PROBLEM STATEMENT:
The answer must consist of every line from the entries that holds the word "IFCRELAGGREGATES".

■ ■ ■ ■ ■ ■ ■

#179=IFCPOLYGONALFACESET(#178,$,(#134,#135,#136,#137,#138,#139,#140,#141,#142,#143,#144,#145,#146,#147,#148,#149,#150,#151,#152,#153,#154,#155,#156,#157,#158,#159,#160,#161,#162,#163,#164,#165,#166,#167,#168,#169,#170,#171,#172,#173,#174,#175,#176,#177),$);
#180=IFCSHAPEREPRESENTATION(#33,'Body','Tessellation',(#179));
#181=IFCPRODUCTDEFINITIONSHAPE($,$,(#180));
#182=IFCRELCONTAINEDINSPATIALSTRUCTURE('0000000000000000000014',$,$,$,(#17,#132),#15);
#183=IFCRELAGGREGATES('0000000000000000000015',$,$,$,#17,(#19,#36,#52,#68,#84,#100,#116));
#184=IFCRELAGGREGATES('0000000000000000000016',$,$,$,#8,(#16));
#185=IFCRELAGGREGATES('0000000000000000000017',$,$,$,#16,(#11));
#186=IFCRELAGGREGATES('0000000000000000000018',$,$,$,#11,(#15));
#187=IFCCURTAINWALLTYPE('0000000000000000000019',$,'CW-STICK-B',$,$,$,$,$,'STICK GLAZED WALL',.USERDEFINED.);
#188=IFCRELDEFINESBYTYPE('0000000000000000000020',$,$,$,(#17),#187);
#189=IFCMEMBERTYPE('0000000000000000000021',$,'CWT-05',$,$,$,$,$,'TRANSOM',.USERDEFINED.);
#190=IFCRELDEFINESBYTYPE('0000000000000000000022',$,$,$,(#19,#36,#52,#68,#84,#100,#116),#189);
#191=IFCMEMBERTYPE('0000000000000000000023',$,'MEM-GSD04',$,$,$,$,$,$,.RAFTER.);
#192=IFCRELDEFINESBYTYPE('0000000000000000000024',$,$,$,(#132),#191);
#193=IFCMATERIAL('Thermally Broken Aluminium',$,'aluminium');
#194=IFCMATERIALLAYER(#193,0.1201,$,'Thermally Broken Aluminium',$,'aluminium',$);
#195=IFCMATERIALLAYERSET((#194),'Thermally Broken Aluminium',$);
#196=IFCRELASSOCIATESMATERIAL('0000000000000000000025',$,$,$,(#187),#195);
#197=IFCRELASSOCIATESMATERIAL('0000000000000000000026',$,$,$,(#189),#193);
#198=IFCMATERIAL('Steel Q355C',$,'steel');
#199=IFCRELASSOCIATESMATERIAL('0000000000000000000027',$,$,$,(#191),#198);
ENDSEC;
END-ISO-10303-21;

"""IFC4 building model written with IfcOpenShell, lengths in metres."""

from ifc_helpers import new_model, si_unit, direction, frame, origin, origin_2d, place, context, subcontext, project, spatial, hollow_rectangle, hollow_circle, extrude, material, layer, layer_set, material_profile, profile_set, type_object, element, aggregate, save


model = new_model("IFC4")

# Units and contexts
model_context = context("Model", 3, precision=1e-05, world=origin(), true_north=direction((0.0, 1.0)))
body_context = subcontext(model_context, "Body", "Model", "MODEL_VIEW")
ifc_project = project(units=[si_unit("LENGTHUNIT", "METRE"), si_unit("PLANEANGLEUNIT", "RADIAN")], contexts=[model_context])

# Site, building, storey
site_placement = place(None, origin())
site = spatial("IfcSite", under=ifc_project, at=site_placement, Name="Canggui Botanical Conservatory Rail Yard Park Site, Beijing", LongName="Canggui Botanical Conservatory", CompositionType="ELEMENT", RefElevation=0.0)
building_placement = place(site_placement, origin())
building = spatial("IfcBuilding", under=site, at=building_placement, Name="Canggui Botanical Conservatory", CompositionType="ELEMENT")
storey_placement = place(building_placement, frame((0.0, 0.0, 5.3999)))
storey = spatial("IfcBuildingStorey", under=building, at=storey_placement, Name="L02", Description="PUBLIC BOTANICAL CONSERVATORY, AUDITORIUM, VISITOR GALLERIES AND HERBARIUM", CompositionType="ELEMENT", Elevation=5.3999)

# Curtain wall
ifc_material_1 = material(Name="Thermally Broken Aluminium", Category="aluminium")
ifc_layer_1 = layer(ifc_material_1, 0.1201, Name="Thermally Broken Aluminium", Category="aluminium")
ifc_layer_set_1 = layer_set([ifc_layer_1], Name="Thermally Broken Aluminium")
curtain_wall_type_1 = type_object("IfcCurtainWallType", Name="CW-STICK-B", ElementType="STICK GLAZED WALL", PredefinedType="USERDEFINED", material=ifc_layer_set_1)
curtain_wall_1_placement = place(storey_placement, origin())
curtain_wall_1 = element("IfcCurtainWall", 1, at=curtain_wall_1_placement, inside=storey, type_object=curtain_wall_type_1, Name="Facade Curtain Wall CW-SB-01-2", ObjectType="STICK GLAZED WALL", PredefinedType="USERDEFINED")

■ ■ ■ ■ ■ ■ ■

RESPONSE FOR THIS EXERCISE:
#183=IFCRELAGGREGATES('0000000000000000000015',$,$,$,#17,(#19,#36,#52,#68,#84,#100,#116));
#184=IFCRELAGGREGATES('0000000000000000000016',$,$,$,#8,(#16));
#185=IFCRELAGGREGATES('0000000000000000000017',$,$,$,#16,(#11));
#186=IFCRELAGGREGATES('0000000000000000000018',$,$,$,#11,(#15));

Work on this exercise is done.